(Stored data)
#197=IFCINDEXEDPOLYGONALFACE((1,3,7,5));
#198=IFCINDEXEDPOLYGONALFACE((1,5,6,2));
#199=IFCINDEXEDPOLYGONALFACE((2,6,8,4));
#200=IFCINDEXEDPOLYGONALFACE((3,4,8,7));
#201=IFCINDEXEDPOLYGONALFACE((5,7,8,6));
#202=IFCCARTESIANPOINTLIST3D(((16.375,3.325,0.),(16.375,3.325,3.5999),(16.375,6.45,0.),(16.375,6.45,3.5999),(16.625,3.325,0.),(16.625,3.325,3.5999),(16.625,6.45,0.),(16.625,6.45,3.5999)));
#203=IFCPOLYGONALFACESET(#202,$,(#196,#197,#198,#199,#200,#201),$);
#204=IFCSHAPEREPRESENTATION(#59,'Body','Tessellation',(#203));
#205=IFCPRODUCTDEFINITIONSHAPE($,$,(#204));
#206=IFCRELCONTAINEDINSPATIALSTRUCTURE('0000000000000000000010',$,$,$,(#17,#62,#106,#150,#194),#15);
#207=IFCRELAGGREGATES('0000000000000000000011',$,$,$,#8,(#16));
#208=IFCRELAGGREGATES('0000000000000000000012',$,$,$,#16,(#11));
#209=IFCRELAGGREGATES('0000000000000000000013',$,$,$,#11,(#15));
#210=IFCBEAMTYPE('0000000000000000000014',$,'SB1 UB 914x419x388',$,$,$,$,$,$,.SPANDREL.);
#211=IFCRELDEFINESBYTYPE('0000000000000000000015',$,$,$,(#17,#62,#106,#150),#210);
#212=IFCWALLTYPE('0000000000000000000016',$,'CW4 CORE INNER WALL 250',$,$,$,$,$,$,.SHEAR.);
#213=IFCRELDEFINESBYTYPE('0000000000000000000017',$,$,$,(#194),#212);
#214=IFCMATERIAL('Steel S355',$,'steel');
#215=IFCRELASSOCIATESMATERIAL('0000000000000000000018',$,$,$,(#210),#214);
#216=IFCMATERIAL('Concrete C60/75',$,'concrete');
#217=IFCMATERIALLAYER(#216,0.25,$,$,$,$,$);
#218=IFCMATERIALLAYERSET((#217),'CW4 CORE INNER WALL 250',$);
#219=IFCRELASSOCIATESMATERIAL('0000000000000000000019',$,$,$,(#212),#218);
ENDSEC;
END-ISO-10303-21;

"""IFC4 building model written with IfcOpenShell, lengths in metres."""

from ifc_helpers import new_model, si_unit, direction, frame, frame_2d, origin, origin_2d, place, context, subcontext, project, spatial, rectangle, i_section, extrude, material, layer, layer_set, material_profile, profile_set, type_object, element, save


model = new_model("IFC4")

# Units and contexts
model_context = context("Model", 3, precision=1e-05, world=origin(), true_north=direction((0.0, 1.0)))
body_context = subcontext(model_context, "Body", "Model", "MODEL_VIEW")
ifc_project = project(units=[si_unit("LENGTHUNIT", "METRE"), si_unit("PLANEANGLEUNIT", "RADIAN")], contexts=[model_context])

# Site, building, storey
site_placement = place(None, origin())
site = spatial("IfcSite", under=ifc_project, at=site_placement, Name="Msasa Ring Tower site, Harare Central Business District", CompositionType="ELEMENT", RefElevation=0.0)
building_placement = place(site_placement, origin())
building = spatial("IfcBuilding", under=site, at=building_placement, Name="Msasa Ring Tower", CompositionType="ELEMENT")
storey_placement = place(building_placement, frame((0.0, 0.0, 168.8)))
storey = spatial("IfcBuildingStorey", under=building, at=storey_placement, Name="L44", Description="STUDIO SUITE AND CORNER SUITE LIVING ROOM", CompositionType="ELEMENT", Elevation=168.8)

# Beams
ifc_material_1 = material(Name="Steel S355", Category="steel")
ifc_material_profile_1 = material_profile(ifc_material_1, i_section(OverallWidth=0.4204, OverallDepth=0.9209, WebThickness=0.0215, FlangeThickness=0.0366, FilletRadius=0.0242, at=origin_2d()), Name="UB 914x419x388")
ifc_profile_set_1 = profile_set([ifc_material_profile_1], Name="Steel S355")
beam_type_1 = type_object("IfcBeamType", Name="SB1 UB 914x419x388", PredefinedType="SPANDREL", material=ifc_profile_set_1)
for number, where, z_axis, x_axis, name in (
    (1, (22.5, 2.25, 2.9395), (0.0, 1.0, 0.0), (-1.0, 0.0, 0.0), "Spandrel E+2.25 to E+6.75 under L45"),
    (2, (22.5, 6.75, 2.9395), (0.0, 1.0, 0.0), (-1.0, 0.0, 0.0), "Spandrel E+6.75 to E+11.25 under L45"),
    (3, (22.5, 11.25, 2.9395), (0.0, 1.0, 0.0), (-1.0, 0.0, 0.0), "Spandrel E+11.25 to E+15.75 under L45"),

• WORK REQUEST: Print the records once more, exactly as written.

• COMPLETED TASK:
#197=IFCINDEXEDPOLYGONALFACE((1,3,7,5));
#198=IFCINDEXEDPOLYGONALFACE((1,5,6,2));
#199=IFCINDEXEDPOLYGONALFACE((2,6,8,4));
#200=IFCINDEXEDPOLYGONALFACE((3,4,8,7));
#201=IFCINDEXEDPOLYGONALFACE((5,7,8,6));
#202=IFCCARTESIANPOINTLIST3D(((16.375,3.325,0.),(16.375,3.325,3.5999),(16.375,6.45,0.),(16.375,6.45,3.5999),(16.625,3.325,0.),(16.625,3.325,3.5999),(16.625,6.45,0.),(16.625,6.45,3.5999)));
#203=IFCPOLYGONALFACESET(#202,$,(#196,#197,#198,#199,#200,#201),$);
#204=IFCSHAPEREPRESENTATION(#59,'Body','Tessellation',(#203));
#205=IFCPRODUCTDEFINITIONSHAPE($,$,(#204));
#206=IFCRELCONTAINEDINSPATIALSTRUCTURE('0000000000000000000010',$,$,$,(#17,#62,#106,#150,#194),#15);
#207=IFCRELAGGREGATES('0000000000000000000011',$,$,$,#8,(#16));
#208=IFCRELAGGREGATES('0000000000000000000012',$,$,$,#16,(#11));
#209=IFCRELAGGREGATES('0000000000000000000013',$,$,$,#11,(#15));
#210=IFCBEAMTYPE('0000000000000000000014',$,'SB1 UB 914x419x388',$,$,$,$,$,$,.SPANDREL.);
#211=IFCRELDEFINESBYTYPE('0000000000000000000015',$,$,$,(#17,#62,#106,#150),#210);
#212=IFCWALLTYPE('0000000000000000000016',$,'CW4 CORE INNER WALL 250',$,$,$,$,$,$,.SHEAR.);
#213=IFCRELDEFINESBYTYPE('0000000000000000000017',$,$,$,(#194),#212);
#214=IFCMATERIAL('Steel S355',$,'steel');
#215=IFCRELASSOCIATESMATERIAL('0000000000000000000018',$,$,$,(#210),#214);
#216=IFCMATERIAL('Concrete C60/75',$,'concrete');
#217=IFCMATERIALLAYER(#216,0.25,$,$,$,$,$);
#218=IFCMATERIALLAYERSET((#217),'CW4 CORE INNER WALL 250',$);
#219=IFCRELASSOCIATESMATERIAL('0000000000000000000019',$,$,$,(#212),#218);
ENDSEC;
END-ISO-10303-21;

"""IFC4 building model written with IfcOpenShell, lengths in metres."""

from ifc_helpers import new_model, si_unit, direction, frame, frame_2d, origin, origin_2d, place, context, subcontext, project, spatial, rectangle, i_section, extrude, material, layer, layer_set, material_profile, profile_set, type_object, element, save


model = new_model("IFC4")

# Units and contexts
model_context = context("Model", 3, precision=1e-05, world=origin(), true_north=direction((0.0, 1.0)))
body_context = subcontext(model_context, "Body", "Model", "MODEL_VIEW")
ifc_project = project(units=[si_unit("LENGTHUNIT", "METRE"), si_unit("PLANEANGLEUNIT", "RADIAN")], contexts=[model_context])

# Site, building, storey
site_placement = place(None, origin())
site = spatial("IfcSite", under=ifc_project, at=site_placement, Name="Msasa Ring Tower site, Harare Central Business District", CompositionType="ELEMENT", RefElevation=0.0)
building_placement = place(site_placement, origin())
building = spatial("IfcBuilding", under=site, at=building_placement, Name="Msasa Ring Tower", CompositionType="ELEMENT")
storey_placement = place(building_placement, frame((0.0, 0.0, 168.8)))
storey = spatial("IfcBuildingStorey", under=building, at=storey_placement, Name="L44", Description="STUDIO SUITE AND CORNER SUITE LIVING ROOM", CompositionType="ELEMENT", Elevation=168.8)

# Beams
ifc_material_1 = material(Name="Steel S355", Category="steel")
ifc_material_profile_1 = material_profile(ifc_material_1, i_section(OverallWidth=0.4204, OverallDepth=0.9209, WebThickness=0.0215, FlangeThickness=0.0366, FilletRadius=0.0242, at=origin_2d()), Name="UB 914x419x388")
ifc_profile_set_1 = profile_set([ifc_material_profile_1], Name="Steel S355")
beam_type_1 = type_object("IfcBeamType", Name="SB1 UB 914x419x388", PredefinedType="SPANDREL", material=ifc_profile_set_1)
for number, where, z_axis, x_axis, name in (
    (1, (22.5, 2.25, 2.9395), (0.0, 1.0, 0.0), (-1.0, 0.0, 0.0), "Spandrel E+2.25 to E+6.75 under L45"),
    (2, (22.5, 6.75, 2.9395), (0.0, 1.0, 0.0), (-1.0, 0.0, 0.0), "Spandrel E+6.75 to E+11.25 under L45"),
    (3, (22.5, 11.25, 2.9395), (0.0, 1.0, 0.0), (-1.0, 0.0, 0.0), "Spandrel E+11.25 to E+15.75 under L45"),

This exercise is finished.